### Data provided
┌──

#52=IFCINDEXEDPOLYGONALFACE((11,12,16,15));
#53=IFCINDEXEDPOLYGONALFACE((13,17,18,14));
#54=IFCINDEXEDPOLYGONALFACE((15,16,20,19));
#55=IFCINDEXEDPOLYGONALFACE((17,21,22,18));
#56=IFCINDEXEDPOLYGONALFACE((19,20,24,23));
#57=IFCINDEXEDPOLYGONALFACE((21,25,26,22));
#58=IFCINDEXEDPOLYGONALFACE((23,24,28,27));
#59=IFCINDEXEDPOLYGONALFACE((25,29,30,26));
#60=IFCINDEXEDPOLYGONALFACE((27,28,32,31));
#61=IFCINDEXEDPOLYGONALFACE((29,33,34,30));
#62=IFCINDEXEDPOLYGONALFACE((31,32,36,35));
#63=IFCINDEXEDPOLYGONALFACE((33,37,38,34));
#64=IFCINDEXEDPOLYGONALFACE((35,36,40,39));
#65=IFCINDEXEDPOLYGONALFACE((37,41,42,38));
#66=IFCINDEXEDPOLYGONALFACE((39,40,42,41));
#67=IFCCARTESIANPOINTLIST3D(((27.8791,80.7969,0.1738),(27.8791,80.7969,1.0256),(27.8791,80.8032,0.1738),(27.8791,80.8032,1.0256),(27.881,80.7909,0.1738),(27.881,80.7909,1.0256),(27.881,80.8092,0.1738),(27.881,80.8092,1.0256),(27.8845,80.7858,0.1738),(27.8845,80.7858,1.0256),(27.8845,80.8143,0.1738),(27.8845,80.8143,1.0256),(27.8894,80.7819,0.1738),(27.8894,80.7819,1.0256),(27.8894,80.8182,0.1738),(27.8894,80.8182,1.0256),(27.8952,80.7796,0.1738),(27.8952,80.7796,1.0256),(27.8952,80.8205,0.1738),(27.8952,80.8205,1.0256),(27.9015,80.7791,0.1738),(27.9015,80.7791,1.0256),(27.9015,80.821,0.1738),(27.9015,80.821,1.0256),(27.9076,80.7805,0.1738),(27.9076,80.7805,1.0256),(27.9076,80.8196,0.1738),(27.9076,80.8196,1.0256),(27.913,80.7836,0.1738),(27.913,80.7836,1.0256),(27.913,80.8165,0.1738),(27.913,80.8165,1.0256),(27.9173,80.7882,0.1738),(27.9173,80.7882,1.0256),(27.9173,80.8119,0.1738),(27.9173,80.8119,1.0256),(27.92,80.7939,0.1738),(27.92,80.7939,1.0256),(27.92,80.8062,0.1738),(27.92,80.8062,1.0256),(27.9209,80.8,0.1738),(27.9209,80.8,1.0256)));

└──
┌──

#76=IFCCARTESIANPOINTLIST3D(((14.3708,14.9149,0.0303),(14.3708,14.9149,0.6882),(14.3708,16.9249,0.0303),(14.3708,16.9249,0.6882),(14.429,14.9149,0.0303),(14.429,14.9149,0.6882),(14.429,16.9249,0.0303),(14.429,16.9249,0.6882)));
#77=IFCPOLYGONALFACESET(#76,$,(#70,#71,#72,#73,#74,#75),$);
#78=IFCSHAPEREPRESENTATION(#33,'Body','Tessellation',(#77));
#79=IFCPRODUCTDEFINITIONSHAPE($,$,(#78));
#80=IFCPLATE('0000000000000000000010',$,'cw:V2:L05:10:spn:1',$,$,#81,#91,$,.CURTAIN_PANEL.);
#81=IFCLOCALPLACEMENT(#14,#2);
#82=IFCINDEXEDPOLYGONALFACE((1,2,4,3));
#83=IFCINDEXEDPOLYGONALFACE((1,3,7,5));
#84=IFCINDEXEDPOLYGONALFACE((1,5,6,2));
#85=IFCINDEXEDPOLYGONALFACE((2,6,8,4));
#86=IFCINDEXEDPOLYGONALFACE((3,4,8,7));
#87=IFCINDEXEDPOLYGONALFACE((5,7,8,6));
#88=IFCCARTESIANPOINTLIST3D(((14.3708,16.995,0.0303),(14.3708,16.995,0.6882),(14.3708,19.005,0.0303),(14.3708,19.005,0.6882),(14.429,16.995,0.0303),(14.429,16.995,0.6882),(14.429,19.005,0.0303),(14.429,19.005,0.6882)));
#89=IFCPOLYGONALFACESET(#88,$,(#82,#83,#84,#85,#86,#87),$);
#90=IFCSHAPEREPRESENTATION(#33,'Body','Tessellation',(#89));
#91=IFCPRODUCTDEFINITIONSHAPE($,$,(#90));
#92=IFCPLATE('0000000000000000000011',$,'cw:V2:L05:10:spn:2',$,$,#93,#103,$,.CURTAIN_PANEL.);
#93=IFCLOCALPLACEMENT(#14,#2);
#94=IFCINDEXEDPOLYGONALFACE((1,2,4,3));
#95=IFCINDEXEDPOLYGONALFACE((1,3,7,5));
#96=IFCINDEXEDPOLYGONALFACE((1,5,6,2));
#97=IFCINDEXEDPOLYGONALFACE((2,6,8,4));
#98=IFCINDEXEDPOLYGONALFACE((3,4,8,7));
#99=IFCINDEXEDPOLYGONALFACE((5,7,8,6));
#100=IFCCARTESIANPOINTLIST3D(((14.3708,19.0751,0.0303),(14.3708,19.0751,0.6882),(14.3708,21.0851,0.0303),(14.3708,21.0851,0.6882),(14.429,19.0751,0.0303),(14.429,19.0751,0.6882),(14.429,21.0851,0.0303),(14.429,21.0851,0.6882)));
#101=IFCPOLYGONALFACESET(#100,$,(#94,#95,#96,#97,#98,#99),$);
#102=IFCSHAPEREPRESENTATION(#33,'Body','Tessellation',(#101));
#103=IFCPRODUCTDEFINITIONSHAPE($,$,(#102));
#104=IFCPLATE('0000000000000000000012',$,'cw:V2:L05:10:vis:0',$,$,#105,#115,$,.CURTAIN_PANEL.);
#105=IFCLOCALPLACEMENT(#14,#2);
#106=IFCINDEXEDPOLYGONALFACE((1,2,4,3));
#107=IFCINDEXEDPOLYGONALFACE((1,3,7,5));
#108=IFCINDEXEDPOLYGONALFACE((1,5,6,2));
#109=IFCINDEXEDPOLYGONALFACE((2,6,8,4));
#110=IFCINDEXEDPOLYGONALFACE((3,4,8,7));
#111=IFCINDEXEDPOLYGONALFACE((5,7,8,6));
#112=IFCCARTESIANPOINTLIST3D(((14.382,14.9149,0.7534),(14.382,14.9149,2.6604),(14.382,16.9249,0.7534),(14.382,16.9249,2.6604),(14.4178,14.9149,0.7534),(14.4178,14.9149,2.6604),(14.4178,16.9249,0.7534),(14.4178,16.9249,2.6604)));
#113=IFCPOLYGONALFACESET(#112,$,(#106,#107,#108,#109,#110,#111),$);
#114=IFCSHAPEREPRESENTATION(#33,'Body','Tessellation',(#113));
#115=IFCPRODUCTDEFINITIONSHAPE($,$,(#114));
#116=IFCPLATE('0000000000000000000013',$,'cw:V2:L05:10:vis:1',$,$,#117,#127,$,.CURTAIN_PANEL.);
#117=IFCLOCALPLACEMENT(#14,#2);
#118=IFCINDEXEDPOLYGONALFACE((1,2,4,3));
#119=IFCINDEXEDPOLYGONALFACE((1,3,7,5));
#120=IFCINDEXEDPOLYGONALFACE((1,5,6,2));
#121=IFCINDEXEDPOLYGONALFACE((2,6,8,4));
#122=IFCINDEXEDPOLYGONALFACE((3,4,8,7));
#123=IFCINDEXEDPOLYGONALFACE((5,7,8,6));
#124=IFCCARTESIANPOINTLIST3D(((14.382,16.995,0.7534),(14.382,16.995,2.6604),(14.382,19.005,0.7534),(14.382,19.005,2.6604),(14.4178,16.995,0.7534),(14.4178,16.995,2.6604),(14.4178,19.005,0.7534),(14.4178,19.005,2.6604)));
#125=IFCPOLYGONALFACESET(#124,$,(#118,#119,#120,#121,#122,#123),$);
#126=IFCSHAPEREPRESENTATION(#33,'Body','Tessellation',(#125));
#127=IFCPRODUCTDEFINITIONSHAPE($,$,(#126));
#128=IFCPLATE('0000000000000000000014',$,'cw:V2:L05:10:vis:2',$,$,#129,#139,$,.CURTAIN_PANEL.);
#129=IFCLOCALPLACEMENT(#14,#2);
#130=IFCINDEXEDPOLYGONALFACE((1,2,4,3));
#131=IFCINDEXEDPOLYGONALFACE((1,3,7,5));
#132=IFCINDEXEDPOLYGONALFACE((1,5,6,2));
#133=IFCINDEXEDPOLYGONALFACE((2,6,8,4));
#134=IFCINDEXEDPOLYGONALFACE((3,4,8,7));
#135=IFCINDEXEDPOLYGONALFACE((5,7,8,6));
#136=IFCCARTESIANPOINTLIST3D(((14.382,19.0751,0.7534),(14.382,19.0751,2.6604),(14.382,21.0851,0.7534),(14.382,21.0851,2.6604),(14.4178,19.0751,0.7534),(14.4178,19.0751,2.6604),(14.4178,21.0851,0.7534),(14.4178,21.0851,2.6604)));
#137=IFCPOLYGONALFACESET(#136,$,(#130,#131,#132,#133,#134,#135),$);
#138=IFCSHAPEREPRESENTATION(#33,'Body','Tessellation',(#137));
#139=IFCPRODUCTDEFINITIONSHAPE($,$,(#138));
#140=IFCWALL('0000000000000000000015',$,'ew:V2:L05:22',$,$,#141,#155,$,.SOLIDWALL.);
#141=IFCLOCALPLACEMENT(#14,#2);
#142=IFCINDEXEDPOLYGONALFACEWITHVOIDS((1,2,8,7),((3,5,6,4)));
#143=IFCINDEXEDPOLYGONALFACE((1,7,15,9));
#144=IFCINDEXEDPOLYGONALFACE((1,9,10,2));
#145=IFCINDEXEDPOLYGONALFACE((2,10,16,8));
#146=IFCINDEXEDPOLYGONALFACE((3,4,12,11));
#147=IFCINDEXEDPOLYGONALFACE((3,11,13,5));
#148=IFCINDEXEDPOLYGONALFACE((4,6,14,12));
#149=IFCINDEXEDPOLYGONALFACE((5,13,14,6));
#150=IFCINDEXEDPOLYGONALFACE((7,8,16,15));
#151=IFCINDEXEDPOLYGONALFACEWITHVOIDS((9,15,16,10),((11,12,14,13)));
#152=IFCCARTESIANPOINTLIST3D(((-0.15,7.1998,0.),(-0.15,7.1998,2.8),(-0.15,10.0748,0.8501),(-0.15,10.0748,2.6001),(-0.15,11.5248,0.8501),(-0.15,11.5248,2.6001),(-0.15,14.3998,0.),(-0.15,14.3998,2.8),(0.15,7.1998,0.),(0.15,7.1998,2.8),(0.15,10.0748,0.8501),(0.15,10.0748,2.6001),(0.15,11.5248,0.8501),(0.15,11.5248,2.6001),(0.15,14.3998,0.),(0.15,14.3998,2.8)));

└──
┌──

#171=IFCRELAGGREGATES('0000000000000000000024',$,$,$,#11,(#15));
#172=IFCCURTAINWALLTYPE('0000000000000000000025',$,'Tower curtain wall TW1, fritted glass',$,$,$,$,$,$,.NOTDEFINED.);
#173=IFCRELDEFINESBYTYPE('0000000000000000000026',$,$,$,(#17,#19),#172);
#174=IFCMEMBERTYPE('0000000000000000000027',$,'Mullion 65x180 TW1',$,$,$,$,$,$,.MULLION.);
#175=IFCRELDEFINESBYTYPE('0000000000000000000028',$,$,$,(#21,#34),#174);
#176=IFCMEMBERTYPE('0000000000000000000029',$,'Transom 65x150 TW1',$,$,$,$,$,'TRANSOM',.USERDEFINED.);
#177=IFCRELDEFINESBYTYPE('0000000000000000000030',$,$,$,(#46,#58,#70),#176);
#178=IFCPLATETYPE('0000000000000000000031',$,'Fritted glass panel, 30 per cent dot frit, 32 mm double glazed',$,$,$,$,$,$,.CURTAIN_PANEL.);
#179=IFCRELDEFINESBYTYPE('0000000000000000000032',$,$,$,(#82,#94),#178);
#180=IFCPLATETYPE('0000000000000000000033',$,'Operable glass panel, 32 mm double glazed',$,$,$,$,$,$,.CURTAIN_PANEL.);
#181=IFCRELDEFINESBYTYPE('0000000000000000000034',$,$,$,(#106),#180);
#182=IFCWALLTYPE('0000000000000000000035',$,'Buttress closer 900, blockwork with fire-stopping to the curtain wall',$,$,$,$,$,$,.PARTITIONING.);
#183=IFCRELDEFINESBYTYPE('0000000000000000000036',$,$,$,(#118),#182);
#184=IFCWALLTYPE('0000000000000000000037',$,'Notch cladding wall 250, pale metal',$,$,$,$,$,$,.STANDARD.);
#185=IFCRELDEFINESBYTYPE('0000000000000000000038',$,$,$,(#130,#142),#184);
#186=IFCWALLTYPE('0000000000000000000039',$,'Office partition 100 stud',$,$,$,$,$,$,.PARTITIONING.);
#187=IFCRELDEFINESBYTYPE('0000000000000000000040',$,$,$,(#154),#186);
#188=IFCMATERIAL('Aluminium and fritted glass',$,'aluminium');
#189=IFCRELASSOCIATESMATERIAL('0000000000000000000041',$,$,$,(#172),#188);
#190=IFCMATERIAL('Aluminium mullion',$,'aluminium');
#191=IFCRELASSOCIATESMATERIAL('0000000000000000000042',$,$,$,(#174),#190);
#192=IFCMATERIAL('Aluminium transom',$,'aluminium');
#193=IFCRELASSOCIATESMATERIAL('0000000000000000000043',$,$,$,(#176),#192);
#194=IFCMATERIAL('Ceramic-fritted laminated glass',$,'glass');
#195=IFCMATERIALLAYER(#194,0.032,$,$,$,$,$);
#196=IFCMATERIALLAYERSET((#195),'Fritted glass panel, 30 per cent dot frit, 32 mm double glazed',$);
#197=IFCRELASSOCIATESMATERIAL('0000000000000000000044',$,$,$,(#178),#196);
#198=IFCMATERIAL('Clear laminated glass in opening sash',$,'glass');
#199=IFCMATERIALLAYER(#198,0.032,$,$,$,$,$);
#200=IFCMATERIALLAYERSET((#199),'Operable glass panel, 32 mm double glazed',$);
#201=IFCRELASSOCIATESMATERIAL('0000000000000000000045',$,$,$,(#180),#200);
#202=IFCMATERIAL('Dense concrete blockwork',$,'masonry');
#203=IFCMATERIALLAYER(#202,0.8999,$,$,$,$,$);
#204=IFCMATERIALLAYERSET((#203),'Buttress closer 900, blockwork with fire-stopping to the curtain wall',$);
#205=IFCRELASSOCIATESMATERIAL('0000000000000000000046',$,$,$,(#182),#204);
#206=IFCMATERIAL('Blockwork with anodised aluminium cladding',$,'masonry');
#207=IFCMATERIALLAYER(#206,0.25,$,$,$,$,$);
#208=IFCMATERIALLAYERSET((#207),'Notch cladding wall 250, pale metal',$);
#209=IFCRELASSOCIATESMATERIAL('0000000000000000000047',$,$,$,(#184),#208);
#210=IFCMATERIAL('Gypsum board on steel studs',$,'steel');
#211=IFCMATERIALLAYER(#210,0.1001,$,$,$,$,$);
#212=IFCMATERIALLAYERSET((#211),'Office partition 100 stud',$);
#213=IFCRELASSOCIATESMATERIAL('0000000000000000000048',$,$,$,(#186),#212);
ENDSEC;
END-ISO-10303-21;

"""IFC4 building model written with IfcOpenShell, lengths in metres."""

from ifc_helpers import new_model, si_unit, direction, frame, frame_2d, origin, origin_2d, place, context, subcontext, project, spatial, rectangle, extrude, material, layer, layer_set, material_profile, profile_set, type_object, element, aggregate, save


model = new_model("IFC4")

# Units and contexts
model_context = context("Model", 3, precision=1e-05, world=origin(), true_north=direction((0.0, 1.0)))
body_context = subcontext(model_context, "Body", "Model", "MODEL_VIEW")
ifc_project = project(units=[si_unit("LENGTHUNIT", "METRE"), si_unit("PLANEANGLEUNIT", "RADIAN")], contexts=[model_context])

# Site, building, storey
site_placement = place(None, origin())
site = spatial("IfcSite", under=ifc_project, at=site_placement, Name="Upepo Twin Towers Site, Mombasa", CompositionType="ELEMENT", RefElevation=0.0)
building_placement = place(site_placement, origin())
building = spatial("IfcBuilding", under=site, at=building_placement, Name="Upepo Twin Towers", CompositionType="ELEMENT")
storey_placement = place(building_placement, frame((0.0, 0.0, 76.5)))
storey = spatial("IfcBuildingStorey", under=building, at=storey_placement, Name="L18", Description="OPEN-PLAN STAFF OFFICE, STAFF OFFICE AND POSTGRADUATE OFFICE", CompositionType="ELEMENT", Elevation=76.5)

└──

### Work to complete
Looking at the records above, in how many lines does the word "stopping" occur? Reply with the number alone.

### Written answer
2